*ABOUT THIS TASK:* For the records that follow, please set down exactly the lines between the one holding "Terracotta-Backed Spandrel Panel',$);" and the one holding "#10=IFCLOCALPLACEMENT(#9,#2);", inclusive, and only those.

Saved entries:
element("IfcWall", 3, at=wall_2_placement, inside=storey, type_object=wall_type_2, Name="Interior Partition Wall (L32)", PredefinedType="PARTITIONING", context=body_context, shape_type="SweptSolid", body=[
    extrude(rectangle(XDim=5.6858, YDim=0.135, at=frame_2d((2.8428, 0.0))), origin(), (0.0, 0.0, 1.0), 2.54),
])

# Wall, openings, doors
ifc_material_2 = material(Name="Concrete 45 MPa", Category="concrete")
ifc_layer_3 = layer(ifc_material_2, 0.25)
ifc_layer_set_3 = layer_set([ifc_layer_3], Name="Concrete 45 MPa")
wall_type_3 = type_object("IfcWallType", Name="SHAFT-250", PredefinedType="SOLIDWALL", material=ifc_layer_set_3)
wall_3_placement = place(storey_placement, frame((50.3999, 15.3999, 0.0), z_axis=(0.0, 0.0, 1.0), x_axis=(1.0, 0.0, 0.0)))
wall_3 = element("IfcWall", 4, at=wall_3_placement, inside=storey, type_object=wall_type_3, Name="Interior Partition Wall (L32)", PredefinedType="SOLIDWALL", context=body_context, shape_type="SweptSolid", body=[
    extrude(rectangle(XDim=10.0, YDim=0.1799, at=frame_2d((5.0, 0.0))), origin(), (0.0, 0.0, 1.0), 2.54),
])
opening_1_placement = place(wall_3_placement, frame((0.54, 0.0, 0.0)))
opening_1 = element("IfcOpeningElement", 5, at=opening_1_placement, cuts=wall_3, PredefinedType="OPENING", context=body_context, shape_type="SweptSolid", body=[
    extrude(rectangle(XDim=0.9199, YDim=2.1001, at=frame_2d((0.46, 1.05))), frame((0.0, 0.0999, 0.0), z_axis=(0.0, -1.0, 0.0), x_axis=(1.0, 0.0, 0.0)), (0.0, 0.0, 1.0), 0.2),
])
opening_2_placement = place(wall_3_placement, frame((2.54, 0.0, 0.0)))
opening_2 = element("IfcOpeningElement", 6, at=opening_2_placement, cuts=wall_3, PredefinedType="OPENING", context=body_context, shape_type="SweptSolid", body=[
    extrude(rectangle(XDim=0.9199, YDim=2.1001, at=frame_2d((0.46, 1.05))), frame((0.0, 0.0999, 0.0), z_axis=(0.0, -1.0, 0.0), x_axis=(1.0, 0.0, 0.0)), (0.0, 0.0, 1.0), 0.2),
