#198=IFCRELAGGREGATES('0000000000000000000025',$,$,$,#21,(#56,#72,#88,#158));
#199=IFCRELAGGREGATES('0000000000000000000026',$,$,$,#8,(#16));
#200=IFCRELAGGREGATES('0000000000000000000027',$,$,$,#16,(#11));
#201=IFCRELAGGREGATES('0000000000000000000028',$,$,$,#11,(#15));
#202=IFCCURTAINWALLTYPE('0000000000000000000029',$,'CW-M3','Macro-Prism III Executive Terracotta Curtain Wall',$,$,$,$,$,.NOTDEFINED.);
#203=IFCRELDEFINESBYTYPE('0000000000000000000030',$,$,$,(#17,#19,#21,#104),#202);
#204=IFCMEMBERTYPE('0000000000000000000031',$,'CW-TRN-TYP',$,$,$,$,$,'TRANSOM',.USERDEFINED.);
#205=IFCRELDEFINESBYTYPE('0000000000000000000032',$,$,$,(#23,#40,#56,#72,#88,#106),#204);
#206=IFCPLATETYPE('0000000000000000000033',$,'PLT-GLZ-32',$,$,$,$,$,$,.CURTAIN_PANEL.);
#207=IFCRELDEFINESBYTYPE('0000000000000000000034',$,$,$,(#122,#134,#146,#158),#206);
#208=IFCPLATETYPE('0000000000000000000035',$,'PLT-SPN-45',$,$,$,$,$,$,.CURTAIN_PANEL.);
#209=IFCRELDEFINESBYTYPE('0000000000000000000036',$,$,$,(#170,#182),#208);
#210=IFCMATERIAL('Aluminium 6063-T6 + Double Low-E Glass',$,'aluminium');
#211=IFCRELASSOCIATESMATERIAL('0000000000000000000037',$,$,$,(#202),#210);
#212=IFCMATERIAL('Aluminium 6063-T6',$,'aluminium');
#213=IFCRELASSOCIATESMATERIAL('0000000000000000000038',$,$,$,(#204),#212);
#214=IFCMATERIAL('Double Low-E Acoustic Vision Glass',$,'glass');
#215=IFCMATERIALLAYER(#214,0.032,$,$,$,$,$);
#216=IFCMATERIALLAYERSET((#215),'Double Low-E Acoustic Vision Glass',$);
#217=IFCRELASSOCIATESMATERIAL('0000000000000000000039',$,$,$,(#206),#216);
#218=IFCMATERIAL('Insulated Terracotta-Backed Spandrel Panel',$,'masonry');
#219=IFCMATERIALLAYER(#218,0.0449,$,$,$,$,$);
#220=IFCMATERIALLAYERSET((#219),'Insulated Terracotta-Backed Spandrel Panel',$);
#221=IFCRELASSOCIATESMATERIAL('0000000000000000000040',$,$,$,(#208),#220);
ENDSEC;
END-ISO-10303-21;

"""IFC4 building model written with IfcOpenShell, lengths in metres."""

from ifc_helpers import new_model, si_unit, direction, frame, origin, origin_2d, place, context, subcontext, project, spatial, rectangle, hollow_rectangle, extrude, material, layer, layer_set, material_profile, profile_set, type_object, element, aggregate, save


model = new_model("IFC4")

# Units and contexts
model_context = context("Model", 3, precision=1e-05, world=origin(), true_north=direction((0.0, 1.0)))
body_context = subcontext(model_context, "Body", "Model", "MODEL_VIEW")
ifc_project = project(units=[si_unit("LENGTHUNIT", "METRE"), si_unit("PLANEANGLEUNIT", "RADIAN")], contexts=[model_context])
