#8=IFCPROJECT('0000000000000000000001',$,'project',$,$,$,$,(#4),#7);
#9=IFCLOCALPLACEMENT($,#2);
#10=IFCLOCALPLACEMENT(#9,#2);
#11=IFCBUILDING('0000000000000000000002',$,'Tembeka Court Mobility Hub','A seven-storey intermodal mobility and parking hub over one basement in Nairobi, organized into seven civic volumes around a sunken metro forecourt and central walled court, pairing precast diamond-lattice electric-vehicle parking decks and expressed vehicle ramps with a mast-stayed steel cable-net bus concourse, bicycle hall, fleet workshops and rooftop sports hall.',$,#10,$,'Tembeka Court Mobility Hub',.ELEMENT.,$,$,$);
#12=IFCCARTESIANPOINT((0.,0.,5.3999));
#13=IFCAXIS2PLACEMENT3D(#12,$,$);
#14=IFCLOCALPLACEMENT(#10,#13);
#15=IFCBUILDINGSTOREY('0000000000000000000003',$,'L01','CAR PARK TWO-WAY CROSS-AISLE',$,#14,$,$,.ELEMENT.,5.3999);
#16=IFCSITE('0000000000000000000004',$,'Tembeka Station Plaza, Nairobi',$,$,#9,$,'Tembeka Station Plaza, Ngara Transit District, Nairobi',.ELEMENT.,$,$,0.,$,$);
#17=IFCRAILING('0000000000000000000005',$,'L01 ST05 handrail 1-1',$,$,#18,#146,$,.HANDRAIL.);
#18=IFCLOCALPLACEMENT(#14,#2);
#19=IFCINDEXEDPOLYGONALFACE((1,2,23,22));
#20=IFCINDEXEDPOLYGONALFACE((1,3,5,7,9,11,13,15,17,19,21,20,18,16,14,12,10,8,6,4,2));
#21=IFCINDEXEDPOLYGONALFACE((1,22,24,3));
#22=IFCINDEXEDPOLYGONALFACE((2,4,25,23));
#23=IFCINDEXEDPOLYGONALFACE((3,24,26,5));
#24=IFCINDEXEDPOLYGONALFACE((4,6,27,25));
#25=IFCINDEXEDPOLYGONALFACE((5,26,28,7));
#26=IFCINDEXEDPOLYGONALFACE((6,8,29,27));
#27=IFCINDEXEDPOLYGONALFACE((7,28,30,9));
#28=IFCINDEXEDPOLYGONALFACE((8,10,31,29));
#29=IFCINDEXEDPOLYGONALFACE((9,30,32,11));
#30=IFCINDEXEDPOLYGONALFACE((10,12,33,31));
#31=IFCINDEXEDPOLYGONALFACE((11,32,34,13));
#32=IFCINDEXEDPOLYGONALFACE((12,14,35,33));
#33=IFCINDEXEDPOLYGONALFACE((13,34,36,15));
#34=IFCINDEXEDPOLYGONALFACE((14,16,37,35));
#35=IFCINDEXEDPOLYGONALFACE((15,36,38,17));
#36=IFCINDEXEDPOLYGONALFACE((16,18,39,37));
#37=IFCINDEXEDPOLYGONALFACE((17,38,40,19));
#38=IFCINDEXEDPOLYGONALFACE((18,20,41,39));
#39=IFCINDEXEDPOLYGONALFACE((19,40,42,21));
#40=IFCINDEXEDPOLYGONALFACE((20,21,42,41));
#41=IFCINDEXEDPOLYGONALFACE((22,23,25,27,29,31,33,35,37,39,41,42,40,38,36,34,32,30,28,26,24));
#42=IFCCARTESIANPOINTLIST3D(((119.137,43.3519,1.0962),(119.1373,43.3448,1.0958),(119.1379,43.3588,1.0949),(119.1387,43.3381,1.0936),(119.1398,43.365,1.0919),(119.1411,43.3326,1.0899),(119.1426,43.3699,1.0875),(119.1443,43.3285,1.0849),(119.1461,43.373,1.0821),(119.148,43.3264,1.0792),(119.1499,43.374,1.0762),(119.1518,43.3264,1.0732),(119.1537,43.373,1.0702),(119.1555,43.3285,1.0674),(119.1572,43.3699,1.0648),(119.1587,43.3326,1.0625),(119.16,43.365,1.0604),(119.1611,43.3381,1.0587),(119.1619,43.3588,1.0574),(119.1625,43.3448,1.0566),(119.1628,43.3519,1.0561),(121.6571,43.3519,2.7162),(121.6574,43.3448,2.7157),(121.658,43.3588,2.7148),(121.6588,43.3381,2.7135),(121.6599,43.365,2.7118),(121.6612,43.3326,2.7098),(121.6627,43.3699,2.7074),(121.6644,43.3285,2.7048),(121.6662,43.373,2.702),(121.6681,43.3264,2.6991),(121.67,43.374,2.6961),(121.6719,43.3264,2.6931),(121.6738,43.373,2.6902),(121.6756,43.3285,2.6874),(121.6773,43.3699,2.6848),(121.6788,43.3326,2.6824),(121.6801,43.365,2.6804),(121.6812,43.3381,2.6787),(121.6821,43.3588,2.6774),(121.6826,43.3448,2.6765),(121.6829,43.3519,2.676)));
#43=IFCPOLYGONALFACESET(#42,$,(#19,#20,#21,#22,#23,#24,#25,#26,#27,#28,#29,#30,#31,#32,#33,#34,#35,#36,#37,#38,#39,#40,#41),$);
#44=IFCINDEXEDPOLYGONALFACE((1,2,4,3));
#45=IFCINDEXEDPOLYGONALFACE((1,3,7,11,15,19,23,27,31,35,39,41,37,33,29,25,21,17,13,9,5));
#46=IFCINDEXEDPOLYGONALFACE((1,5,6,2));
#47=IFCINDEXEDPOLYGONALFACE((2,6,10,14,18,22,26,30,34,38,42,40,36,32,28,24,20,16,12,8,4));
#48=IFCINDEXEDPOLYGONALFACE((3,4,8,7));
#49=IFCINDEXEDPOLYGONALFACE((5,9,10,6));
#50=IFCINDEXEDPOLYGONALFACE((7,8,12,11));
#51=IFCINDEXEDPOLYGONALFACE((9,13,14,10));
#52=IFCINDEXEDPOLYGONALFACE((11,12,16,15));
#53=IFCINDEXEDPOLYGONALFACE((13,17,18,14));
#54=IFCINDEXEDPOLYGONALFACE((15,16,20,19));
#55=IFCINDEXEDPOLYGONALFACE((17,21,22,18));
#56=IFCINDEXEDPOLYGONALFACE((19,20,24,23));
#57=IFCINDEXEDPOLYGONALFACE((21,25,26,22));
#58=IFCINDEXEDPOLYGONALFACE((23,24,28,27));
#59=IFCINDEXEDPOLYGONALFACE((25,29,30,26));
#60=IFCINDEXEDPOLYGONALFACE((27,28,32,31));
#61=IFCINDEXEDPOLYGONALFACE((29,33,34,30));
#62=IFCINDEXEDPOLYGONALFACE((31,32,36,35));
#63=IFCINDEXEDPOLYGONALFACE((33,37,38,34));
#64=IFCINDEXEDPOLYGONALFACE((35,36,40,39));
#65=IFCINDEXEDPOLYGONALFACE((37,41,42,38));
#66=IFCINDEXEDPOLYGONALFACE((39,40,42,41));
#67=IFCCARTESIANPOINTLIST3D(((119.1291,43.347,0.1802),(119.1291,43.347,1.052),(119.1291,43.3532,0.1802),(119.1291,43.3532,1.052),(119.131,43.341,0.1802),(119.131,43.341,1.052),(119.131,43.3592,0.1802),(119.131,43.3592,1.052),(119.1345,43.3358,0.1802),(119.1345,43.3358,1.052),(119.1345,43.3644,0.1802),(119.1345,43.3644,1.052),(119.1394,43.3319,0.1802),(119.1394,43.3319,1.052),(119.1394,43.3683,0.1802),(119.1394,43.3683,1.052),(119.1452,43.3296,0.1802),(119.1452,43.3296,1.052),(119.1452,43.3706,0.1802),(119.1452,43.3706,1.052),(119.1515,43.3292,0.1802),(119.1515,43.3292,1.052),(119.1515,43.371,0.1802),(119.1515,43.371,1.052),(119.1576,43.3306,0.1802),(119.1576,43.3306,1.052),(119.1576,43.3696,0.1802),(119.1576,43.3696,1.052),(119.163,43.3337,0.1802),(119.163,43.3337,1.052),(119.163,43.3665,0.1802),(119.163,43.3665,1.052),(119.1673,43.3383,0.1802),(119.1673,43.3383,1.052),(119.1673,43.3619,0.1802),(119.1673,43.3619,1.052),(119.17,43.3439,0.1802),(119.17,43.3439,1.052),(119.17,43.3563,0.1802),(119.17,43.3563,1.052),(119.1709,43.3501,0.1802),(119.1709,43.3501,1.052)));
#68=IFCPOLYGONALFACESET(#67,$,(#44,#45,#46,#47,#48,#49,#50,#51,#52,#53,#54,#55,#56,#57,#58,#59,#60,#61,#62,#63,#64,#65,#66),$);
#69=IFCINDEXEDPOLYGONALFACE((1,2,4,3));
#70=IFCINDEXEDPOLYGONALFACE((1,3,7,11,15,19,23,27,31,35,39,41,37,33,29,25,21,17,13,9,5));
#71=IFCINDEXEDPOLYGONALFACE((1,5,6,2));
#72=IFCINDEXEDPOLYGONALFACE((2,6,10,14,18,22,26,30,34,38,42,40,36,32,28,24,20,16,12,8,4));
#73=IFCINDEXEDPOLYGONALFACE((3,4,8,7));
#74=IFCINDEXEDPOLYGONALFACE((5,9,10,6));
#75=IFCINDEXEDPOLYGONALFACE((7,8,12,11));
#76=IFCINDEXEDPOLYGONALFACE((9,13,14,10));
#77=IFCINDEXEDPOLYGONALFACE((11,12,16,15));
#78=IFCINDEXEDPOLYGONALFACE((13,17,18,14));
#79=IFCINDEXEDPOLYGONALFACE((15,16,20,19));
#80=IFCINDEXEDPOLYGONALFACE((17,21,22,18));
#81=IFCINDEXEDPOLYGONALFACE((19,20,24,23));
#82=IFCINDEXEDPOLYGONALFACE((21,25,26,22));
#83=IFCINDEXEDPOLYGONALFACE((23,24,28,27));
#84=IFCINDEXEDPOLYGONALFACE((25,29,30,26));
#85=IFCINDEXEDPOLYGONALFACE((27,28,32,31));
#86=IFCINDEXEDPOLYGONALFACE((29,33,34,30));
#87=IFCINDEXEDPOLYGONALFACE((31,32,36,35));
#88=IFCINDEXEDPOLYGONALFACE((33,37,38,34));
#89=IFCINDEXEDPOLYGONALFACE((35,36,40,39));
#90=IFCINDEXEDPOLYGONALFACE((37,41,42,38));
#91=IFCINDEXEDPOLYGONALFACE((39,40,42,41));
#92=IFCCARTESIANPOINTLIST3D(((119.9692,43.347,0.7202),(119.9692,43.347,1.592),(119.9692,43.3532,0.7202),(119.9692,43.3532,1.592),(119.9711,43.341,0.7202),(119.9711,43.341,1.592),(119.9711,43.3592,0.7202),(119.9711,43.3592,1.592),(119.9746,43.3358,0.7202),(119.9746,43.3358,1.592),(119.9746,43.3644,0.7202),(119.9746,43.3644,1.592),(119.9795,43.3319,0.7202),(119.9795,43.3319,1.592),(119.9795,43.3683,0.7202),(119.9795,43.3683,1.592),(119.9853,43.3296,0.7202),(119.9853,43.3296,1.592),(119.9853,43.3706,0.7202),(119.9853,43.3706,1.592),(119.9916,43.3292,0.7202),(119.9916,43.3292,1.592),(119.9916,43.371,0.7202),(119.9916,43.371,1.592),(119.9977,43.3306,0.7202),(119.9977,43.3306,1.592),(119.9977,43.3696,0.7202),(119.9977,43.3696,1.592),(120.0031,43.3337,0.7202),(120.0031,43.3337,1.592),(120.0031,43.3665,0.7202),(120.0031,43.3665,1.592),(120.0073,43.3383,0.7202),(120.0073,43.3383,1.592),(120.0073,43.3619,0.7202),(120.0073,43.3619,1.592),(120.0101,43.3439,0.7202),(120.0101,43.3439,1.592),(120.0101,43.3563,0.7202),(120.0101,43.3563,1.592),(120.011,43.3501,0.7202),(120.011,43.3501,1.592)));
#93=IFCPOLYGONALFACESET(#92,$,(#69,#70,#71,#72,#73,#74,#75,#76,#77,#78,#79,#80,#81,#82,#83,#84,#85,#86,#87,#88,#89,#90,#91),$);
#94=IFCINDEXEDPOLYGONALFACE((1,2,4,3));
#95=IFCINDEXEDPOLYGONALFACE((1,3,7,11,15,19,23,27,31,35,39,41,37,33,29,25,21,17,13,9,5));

*TASK OUTPUT:*
#220=IFCMATERIALLAYERSET((#219),'Insulated Terracotta-Backed Spandrel Panel',$);
#221=IFCRELASSOCIATESMATERIAL('0000000000000000000040',$,$,$,(#208),#220);
ENDSEC;
END-ISO-10303-21;

"""IFC4 building model written with IfcOpenShell, lengths in metres."""

from ifc_helpers import new_model, si_unit, direction, frame, origin, origin_2d, place, context, subcontext, project, spatial, rectangle, hollow_rectangle, extrude, material, layer, layer_set, material_profile, profile_set, type_object, element, aggregate, save


model = new_model("IFC4")

# Units and contexts
model_context = context("Model", 3, precision=1e-05, world=origin(), true_north=direction((0.0, 1.0)))
body_context = subcontext(model_context, "Body", "Model", "MODEL_VIEW")
ifc_project = project(units=[si_unit("LENGTHUNIT", "METRE"), si_unit("PLANEANGLEUNIT", "RADIAN")], contexts=[model_context])
#8=IFCPROJECT('0000000000000000000001',$,'project',$,$,$,$,(#4),#7);
#9=IFCLOCALPLACEMENT($,#2);
#10=IFCLOCALPLACEMENT(#9,#2);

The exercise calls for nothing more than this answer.